> **PROBLEM STATEMENT**:
Scan the records below for the line with "#170=IFCSHAPEREPRESENTATION(#29,'Body','Tessellation',(#169));" and the line with "#183=IFCINDEXEDPOLYGONALFACE((13,15,16,14));". Repeat those two lines and every line between them exactly, and nothing else.

> **DATA RECORDS**:
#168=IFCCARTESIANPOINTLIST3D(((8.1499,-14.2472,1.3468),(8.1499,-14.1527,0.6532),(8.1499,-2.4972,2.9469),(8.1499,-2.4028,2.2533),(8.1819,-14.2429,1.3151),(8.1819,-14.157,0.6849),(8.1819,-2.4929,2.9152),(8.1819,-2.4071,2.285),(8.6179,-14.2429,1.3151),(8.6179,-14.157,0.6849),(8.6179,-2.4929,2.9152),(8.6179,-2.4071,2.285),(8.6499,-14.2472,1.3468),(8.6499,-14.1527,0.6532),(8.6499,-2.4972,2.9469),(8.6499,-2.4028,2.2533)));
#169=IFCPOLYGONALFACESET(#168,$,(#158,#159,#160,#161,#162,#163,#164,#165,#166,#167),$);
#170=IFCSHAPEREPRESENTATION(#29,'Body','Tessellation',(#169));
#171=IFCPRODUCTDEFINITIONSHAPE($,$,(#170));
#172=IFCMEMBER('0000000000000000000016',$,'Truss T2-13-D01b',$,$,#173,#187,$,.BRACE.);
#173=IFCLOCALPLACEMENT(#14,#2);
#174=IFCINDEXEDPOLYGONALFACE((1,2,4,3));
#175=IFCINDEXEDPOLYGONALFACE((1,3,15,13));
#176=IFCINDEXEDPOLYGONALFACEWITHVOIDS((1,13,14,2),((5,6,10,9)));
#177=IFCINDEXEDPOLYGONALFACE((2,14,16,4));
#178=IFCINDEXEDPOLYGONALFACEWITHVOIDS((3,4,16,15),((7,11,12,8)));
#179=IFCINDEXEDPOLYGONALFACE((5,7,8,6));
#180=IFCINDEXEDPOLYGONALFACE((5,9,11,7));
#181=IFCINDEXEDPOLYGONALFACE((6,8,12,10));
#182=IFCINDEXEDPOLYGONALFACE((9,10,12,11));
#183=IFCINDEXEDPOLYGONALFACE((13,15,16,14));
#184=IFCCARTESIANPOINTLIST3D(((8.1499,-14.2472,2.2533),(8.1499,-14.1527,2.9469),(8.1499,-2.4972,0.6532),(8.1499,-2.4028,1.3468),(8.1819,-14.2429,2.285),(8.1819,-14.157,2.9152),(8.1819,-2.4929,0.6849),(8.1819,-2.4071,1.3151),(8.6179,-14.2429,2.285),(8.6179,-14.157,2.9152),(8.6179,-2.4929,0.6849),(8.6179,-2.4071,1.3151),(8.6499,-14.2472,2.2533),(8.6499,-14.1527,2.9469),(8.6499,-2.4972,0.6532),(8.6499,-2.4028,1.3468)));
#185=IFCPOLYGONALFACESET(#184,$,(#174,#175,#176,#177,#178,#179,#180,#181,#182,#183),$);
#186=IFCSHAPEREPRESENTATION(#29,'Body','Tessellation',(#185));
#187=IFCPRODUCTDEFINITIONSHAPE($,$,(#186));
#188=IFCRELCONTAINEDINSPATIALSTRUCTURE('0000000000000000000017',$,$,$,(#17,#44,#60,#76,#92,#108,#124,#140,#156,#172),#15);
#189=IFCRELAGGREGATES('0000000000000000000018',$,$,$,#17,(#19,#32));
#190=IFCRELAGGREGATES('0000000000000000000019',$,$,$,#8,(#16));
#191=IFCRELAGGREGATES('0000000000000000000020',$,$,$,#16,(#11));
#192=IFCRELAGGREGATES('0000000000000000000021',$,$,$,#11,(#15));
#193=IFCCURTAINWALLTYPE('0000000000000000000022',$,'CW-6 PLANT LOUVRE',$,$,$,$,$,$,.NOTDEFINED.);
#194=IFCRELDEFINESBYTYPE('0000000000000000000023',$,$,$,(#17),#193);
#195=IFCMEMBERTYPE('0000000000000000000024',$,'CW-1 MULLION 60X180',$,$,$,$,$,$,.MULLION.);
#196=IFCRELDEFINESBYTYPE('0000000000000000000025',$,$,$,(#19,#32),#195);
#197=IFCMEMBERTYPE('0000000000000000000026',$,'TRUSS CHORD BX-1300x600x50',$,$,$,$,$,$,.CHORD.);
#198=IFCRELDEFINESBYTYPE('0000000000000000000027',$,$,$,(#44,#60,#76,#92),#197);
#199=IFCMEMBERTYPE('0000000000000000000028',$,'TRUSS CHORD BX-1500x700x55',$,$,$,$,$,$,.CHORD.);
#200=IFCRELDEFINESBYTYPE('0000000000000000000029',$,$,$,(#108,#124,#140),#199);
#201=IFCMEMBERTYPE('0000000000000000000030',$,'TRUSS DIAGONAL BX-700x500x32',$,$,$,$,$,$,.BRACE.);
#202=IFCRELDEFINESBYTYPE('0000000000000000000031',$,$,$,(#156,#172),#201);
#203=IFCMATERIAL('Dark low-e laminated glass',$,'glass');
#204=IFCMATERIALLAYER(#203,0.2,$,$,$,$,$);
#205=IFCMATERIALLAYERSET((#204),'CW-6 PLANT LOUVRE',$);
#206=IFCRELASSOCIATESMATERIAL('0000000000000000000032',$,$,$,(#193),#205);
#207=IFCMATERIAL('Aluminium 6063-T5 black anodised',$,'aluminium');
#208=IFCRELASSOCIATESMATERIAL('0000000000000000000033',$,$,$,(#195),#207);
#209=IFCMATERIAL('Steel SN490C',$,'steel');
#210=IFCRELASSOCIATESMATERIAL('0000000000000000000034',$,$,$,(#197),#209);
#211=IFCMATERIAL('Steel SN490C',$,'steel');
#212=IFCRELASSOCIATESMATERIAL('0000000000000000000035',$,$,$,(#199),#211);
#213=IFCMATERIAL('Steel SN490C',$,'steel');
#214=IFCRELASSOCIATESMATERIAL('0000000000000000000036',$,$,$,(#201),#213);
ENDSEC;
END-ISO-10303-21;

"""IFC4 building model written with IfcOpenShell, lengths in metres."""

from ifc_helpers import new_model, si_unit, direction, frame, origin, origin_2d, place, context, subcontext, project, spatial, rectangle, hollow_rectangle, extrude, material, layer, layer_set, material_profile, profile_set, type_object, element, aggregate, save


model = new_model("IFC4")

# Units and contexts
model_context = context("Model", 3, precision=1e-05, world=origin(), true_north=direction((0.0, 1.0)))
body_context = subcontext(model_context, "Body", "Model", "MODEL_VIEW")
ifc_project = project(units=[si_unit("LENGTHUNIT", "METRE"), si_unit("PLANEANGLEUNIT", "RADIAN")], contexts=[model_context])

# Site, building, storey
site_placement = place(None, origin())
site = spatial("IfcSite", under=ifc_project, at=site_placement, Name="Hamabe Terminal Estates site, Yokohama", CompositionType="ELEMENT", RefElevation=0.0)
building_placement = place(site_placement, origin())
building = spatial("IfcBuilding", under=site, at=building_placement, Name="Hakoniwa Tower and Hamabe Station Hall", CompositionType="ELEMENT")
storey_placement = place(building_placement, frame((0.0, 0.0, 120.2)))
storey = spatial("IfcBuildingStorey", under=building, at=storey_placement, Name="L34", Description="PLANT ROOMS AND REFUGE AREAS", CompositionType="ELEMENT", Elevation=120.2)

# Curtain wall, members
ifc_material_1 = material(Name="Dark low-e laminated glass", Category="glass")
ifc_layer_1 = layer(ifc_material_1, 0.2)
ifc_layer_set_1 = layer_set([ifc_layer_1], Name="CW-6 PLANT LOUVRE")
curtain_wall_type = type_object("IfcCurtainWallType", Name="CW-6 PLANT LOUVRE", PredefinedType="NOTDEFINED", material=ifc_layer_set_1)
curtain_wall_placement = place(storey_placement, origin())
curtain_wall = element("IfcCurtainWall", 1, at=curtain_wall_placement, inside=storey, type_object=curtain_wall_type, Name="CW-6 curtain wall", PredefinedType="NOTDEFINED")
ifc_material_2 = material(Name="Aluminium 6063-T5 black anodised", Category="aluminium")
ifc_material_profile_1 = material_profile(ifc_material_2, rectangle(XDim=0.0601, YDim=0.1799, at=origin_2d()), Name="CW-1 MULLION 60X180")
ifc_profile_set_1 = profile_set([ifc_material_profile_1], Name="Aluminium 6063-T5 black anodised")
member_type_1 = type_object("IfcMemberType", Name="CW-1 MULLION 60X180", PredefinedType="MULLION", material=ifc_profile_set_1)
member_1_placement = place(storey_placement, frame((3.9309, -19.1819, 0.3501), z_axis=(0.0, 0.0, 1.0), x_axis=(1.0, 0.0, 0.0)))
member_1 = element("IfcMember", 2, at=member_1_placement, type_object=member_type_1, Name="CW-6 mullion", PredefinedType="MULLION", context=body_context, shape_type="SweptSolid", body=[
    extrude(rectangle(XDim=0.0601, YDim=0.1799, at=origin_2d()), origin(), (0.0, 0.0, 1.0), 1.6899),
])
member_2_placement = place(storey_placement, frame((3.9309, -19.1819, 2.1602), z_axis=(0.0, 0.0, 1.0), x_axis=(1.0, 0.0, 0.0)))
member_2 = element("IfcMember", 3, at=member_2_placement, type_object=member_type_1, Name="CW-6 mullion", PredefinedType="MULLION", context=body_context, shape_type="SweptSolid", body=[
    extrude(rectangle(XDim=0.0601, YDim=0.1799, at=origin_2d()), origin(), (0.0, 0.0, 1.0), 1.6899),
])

> **WRITTEN RESPONSE**:
#170=IFCSHAPEREPRESENTATION(#29,'Body','Tessellation',(#169));
#171=IFCPRODUCTDEFINITIONSHAPE($,$,(#170));
#172=IFCMEMBER('0000000000000000000016',$,'Truss T2-13-D01b',$,$,#173,#187,$,.BRACE.);
#173=IFCLOCALPLACEMENT(#14,#2);
#174=IFCINDEXEDPOLYGONALFACE((1,2,4,3));
#175=IFCINDEXEDPOLYGONALFACE((1,3,15,13));
#176=IFCINDEXEDPOLYGONALFACEWITHVOIDS((1,13,14,2),((5,6,10,9)));
#177=IFCINDEXEDPOLYGONALFACE((2,14,16,4));
#178=IFCINDEXEDPOLYGONALFACEWITHVOIDS((3,4,16,15),((7,11,12,8)));
#179=IFCINDEXEDPOLYGONALFACE((5,7,8,6));
#180=IFCINDEXEDPOLYGONALFACE((5,9,11,7));
#181=IFCINDEXEDPOLYGONALFACE((6,8,12,10));
#182=IFCINDEXEDPOLYGONALFACE((9,10,12,11));
#183=IFCINDEXEDPOLYGONALFACE((13,15,16,14));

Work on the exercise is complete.